__Try it__.
Look for the word "Barlavira" in the records, and copy each line where it appears.

Collected data entries:

------------------------------------------------------------------------

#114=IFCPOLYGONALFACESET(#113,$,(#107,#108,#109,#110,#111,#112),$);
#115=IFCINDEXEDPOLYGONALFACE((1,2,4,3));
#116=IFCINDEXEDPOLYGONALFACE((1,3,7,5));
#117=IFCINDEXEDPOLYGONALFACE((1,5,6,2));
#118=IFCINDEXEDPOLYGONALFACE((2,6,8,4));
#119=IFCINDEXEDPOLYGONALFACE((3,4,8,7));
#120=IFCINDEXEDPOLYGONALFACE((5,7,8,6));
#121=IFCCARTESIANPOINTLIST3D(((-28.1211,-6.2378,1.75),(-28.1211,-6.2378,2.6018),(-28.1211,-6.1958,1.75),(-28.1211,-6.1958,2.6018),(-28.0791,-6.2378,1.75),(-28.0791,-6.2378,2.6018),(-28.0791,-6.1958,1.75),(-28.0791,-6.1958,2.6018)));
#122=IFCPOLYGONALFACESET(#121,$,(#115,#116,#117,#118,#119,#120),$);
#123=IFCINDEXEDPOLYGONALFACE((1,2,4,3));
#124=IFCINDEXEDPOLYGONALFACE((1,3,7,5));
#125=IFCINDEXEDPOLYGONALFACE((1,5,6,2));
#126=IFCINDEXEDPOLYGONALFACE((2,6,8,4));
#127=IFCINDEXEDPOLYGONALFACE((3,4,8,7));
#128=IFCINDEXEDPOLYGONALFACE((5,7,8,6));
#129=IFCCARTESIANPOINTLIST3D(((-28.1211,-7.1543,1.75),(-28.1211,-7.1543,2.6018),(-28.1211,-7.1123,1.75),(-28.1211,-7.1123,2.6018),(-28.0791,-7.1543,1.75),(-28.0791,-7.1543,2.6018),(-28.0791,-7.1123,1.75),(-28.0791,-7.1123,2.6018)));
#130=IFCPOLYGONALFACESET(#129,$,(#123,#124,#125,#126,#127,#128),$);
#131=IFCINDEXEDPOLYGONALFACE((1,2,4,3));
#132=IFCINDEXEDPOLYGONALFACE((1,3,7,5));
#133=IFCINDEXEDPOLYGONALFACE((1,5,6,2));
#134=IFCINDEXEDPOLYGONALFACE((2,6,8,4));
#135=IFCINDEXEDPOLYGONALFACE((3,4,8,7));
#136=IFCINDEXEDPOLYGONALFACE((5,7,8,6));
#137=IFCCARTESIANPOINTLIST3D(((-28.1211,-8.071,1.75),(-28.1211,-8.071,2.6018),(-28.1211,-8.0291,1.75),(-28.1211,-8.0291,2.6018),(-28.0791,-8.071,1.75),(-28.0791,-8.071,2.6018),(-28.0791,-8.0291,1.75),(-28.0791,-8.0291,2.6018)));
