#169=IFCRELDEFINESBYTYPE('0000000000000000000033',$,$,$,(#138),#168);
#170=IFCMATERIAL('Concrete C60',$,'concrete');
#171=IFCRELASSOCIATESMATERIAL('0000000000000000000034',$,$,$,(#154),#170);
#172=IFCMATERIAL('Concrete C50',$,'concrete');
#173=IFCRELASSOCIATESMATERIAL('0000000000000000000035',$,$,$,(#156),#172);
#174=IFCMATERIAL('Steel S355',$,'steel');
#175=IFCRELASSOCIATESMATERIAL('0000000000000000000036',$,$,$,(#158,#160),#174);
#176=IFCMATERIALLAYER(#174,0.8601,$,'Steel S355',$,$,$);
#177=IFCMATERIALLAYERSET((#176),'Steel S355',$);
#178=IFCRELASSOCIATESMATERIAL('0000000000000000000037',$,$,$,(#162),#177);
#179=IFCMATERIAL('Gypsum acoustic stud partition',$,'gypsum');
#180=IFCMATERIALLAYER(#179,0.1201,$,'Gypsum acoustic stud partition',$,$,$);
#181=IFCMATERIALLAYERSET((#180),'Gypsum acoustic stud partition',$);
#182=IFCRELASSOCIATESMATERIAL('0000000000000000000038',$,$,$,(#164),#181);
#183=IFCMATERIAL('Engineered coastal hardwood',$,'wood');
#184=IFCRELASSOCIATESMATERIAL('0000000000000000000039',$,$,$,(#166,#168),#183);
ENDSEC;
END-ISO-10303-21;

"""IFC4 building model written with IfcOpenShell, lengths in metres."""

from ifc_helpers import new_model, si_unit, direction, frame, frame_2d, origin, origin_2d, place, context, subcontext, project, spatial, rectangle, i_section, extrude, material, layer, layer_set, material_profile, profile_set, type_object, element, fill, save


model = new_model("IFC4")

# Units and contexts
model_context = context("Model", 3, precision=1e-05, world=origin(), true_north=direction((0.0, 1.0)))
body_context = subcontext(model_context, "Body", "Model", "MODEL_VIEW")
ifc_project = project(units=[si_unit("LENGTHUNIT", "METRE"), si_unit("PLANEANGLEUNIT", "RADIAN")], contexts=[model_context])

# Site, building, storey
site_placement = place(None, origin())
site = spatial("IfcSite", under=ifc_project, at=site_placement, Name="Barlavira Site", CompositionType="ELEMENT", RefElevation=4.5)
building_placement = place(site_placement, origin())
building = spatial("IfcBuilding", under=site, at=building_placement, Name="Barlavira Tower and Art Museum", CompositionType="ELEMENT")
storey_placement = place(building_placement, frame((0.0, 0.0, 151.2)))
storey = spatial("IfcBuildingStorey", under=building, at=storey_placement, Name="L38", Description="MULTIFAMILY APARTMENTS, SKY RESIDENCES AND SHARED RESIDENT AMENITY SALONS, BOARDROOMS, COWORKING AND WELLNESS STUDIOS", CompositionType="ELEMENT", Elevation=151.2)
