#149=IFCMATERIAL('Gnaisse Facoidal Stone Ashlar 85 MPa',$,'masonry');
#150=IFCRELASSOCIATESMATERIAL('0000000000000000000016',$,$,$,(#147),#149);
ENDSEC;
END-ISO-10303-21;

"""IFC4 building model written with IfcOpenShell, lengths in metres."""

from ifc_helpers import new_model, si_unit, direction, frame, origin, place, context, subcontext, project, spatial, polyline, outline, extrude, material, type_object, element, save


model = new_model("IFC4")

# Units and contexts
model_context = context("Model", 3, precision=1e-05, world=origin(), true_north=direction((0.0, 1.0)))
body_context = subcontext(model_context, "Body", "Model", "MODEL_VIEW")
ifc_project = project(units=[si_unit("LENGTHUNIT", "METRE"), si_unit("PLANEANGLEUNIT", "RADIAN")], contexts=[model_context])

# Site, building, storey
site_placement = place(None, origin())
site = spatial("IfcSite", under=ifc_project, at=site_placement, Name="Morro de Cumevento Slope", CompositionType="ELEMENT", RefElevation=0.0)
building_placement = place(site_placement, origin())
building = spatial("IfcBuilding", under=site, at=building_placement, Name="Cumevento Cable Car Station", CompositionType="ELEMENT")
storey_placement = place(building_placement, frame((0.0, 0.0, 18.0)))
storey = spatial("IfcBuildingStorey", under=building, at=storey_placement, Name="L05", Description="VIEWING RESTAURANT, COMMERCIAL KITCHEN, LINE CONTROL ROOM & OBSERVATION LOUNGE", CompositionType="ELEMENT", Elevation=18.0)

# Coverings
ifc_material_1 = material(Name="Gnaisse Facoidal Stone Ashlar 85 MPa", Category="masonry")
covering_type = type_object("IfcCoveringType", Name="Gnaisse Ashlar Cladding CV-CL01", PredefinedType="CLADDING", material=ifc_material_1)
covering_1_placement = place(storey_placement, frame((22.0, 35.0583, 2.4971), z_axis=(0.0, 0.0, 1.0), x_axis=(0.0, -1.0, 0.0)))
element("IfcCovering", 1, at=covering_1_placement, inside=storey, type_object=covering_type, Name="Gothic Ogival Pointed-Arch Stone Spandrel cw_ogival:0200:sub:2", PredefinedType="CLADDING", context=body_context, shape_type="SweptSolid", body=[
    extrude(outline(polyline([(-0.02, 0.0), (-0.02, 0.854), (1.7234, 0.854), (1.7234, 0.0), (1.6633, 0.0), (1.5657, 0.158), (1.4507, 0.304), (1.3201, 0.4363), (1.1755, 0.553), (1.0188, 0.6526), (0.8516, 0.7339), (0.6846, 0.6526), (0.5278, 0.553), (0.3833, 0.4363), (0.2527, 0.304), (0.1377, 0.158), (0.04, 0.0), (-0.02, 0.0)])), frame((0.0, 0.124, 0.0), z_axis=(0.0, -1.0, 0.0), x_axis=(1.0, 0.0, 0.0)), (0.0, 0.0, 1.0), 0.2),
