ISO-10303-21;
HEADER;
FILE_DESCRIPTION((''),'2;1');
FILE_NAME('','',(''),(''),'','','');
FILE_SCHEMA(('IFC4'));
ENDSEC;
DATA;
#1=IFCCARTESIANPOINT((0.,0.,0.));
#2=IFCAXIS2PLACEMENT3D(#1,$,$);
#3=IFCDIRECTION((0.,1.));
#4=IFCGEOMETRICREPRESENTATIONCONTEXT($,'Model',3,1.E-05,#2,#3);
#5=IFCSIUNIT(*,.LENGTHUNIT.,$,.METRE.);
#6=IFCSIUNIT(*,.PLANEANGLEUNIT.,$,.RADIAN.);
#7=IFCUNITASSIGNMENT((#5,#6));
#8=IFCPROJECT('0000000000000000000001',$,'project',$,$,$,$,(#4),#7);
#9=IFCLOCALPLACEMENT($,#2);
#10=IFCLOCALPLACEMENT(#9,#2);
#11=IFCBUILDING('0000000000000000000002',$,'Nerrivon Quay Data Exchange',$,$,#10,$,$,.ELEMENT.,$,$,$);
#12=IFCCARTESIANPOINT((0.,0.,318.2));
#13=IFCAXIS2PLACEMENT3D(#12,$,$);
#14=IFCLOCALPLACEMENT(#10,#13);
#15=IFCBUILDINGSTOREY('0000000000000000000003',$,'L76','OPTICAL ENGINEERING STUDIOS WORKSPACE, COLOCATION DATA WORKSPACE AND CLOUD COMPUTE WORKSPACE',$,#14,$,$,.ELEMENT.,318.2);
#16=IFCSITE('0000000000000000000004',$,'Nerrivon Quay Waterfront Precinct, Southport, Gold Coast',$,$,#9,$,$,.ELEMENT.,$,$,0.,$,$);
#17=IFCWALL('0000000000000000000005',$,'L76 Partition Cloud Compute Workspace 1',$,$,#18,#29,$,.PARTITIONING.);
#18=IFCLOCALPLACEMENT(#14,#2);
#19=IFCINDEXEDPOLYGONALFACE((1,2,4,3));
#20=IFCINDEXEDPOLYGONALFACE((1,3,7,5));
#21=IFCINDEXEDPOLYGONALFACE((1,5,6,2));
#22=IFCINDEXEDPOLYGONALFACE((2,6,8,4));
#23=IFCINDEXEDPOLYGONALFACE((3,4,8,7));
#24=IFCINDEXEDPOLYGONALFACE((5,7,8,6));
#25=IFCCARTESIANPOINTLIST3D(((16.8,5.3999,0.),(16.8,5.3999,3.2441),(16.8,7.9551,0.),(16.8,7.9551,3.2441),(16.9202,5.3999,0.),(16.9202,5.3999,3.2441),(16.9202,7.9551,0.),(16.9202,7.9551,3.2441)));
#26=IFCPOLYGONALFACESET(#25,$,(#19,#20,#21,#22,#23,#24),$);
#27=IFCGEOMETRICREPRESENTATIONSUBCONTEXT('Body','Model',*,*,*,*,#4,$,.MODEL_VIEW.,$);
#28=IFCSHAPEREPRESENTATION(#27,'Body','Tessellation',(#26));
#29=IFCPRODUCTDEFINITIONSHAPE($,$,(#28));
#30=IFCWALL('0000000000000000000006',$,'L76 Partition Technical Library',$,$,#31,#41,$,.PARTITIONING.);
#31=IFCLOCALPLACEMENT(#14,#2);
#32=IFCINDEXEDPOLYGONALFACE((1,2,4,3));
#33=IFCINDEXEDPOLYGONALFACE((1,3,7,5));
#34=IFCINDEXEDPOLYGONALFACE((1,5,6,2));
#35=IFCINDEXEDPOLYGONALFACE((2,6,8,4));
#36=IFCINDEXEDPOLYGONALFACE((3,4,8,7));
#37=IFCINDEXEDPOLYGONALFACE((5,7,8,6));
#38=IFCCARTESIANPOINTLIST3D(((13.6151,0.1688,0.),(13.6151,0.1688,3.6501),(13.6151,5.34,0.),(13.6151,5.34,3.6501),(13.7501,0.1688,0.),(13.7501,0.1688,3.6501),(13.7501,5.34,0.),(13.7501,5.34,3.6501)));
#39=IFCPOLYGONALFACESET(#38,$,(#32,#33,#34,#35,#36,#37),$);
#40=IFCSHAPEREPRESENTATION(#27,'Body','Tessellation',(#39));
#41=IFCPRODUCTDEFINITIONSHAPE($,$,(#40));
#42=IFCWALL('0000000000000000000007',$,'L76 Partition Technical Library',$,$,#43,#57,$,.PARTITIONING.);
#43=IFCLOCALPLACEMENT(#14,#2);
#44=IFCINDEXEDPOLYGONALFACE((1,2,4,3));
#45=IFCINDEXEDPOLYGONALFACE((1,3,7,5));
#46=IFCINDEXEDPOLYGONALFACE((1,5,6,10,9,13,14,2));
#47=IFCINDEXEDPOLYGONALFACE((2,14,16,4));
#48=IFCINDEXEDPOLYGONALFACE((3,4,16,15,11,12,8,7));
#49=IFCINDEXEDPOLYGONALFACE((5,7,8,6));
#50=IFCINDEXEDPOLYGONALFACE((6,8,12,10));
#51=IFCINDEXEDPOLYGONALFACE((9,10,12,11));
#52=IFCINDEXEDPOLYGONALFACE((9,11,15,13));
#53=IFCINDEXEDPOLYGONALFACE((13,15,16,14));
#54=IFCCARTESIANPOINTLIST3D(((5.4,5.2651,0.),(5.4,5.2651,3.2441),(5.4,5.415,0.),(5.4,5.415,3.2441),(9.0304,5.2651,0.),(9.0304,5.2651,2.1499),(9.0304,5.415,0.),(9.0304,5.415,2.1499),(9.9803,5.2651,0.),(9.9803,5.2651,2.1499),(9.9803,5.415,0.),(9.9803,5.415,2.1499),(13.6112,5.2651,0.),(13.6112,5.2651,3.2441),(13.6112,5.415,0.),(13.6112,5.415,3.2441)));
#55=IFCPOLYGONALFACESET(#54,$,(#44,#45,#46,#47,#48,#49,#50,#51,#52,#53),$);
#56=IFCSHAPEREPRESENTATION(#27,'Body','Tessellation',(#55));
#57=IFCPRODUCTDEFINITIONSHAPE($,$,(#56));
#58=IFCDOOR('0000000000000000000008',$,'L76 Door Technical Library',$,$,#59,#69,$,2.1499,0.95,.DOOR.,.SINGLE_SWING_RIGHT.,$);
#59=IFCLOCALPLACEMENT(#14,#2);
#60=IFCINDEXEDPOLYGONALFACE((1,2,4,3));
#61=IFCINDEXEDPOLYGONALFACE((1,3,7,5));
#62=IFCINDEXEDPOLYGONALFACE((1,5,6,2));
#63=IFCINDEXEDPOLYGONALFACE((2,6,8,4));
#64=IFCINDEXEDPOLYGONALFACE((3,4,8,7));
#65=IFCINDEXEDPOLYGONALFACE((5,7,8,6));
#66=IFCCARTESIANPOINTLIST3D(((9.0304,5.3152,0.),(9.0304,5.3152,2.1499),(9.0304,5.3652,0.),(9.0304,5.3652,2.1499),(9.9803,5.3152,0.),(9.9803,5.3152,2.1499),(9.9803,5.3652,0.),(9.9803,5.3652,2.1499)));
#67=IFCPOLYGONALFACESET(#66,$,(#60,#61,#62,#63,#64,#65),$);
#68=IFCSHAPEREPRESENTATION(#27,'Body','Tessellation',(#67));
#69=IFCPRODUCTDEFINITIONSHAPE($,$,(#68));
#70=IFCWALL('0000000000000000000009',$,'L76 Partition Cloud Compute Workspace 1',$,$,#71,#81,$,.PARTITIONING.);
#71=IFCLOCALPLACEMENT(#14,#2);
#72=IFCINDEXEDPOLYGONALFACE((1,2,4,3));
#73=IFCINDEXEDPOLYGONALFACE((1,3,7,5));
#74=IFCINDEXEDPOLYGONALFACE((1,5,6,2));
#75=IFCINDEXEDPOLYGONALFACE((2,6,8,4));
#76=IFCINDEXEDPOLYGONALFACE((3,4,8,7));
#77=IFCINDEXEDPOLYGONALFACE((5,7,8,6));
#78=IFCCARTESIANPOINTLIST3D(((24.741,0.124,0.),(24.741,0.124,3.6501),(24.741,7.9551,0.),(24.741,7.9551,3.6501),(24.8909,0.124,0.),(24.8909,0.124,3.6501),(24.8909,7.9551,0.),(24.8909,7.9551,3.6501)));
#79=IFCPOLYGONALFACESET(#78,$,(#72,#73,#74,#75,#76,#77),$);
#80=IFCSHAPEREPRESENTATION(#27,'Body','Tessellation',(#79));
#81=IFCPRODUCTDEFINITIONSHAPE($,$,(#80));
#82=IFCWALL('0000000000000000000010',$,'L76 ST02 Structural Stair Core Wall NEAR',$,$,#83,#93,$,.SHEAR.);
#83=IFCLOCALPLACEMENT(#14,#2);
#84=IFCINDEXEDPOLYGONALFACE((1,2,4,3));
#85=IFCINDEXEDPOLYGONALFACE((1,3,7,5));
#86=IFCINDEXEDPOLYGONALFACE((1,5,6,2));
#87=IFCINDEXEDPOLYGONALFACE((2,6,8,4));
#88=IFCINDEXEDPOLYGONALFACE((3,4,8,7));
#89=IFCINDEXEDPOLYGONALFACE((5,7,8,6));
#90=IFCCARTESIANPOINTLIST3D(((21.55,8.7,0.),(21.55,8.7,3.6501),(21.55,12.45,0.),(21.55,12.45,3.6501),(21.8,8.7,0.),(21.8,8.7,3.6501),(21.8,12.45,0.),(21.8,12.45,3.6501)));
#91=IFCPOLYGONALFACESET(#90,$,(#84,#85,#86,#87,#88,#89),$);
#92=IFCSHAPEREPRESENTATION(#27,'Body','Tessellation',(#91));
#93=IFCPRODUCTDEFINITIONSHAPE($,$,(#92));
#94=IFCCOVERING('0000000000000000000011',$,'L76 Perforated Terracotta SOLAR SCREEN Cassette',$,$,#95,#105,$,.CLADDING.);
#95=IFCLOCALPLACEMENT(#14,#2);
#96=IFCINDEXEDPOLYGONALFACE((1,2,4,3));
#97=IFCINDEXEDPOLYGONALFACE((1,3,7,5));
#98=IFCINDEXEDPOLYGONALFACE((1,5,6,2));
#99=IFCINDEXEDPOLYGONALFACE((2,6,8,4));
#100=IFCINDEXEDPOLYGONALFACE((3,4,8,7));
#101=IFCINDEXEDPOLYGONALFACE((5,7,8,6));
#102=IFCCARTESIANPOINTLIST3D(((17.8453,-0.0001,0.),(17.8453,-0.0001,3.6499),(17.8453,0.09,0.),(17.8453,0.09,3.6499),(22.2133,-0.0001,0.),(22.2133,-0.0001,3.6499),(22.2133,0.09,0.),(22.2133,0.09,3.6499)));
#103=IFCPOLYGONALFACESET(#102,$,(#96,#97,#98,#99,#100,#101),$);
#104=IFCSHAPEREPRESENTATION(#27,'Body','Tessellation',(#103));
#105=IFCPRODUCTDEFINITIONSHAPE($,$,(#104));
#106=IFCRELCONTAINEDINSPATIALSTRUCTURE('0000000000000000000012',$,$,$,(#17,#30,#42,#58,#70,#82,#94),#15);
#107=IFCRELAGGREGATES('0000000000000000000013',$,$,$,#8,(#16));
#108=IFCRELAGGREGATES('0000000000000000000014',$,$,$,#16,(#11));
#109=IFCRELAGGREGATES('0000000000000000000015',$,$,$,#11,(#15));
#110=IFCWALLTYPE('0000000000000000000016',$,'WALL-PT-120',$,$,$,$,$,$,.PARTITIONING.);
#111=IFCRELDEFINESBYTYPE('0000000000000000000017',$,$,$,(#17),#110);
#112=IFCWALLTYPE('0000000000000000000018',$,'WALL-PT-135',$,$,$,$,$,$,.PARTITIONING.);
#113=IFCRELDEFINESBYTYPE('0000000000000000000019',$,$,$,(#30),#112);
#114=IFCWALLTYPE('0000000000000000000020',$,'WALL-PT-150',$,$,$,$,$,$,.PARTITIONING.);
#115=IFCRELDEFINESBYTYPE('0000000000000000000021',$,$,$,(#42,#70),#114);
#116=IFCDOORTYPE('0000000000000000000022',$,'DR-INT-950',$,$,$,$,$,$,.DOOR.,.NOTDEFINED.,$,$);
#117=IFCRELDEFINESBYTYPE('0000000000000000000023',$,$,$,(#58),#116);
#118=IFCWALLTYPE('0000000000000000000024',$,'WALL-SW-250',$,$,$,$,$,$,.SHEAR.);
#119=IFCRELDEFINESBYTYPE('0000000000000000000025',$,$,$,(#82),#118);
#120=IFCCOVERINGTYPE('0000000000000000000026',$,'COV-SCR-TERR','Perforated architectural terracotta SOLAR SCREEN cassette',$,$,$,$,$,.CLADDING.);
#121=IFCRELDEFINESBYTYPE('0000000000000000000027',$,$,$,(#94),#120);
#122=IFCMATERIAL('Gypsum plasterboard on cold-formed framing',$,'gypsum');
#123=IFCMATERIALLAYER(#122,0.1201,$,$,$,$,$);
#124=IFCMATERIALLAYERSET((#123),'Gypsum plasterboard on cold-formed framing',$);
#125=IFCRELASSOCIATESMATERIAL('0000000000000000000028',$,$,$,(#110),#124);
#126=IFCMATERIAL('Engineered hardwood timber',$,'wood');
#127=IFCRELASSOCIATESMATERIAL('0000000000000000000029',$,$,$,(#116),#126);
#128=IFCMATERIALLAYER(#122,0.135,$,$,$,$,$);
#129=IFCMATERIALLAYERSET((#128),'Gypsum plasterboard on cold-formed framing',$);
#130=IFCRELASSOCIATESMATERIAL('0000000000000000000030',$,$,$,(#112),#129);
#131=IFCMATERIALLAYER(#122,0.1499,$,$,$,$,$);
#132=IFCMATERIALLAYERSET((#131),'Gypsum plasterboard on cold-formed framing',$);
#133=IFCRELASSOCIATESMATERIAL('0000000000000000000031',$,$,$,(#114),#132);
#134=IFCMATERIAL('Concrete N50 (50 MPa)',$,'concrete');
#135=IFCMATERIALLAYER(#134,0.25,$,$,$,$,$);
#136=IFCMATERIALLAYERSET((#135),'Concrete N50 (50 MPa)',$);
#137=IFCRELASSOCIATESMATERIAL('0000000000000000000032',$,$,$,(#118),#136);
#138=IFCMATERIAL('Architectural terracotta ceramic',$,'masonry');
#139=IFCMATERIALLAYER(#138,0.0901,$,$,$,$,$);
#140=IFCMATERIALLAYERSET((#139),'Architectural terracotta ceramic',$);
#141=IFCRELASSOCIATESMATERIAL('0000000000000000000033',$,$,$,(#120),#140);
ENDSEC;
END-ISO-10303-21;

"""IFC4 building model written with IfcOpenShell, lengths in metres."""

from ifc_helpers import new_model, si_unit, direction, frame, frame_2d, origin, origin_2d, place, context, subcontext, project, spatial, rectangle, extrude, material, layer, layer_set, type_object, element, fill, save


model = new_model("IFC4")

# Units and contexts
model_context = context("Model", 3, precision=1e-05, world=origin(), true_north=direction((0.0, 1.0)))
body_context = subcontext(model_context, "Body", "Model", "MODEL_VIEW")
ifc_project = project(units=[si_unit("LENGTHUNIT", "METRE"), si_unit("PLANEANGLEUNIT", "RADIAN")], contexts=[model_context])

# Site, building, storey
site_placement = place(None, origin())
site = spatial("IfcSite", under=ifc_project, at=site_placement, Name="Nerrivon Quay Waterfront Precinct, Southport, Gold Coast", CompositionType="ELEMENT", RefElevation=0.0)
building_placement = place(site_placement, origin())
building = spatial("IfcBuilding", under=site, at=building_placement, Name="Nerrivon Quay Data Exchange", CompositionType="ELEMENT")
storey_placement = place(building_placement, frame((0.0, 0.0, 318.2)))
storey = spatial("IfcBuildingStorey", under=building, at=storey_placement, Name="L76", Description="OPTICAL ENGINEERING STUDIOS WORKSPACE, COLOCATION DATA WORKSPACE AND CLOUD COMPUTE WORKSPACE", CompositionType="ELEMENT", Elevation=318.2)

# Shared definitions
ifc_material_1 = material(Name="Concrete N50 (50 MPa)", Category="concrete")

# Shared definitions
ifc_material_2 = material(Name="Gypsum plasterboard on cold-formed framing", Category="gypsum")
ifc_layer_1 = layer(ifc_material_2, 0.1201)
ifc_layer_set_1 = layer_set([ifc_layer_1], Name="Gypsum plasterboard on cold-formed framing")
wall_type_1 = type_object("IfcWallType", Name="WALL-PT-120", PredefinedType="PARTITIONING", material=ifc_layer_set_1)
ifc_material_3 = material(Name="Engineered hardwood timber", Category="wood")
door_type = type_object("IfcDoorType", Name="DR-INT-950", OperationType="NOTDEFINED", PredefinedType="DOOR", material=ifc_material_3)

# Walls
wall_1_placement = place(storey_placement, frame((16.8601, 7.9551, 0.0), z_axis=(0.0, 0.0, 1.0), x_axis=(0.0, -1.0, 0.0)))
element("IfcWall", 1, at=wall_1_placement, inside=storey, type_object=wall_type_1, Name="L76 Partition Cloud Compute Workspace 1", PredefinedType="PARTITIONING", context=body_context, shape_type="SweptSolid", body=[
    extrude(rectangle(XDim=2.5552, YDim=0.1201, at=frame_2d((1.2776, 0.0))), origin(), (0.0, 0.0, 1.0), 3.2441),
])
ifc_layer_2 = layer(ifc_material_2, 0.135)
ifc_layer_set_2 = layer_set([ifc_layer_2], Name="Gypsum plasterboard on cold-formed framing")
wall_type_2 = type_object("IfcWallType", Name="WALL-PT-135", PredefinedType="PARTITIONING", material=ifc_layer_set_2)
wall_2_placement = place(storey_placement, frame((13.6826, 0.1689, 0.0), z_axis=(0.0, 0.0, 1.0), x_axis=(0.0, 1.0, 0.0)))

------------------------------------------------------------------------

__Solution to the problem__.
site = spatial("IfcSite", under=ifc_project, at=site_placement, Name="Barlavira Site", CompositionType="ELEMENT", RefElevation=4.5)
building = spatial("IfcBuilding", under=site, at=building_placement, Name="Barlavira Tower and Art Museum", CompositionType="ELEMENT")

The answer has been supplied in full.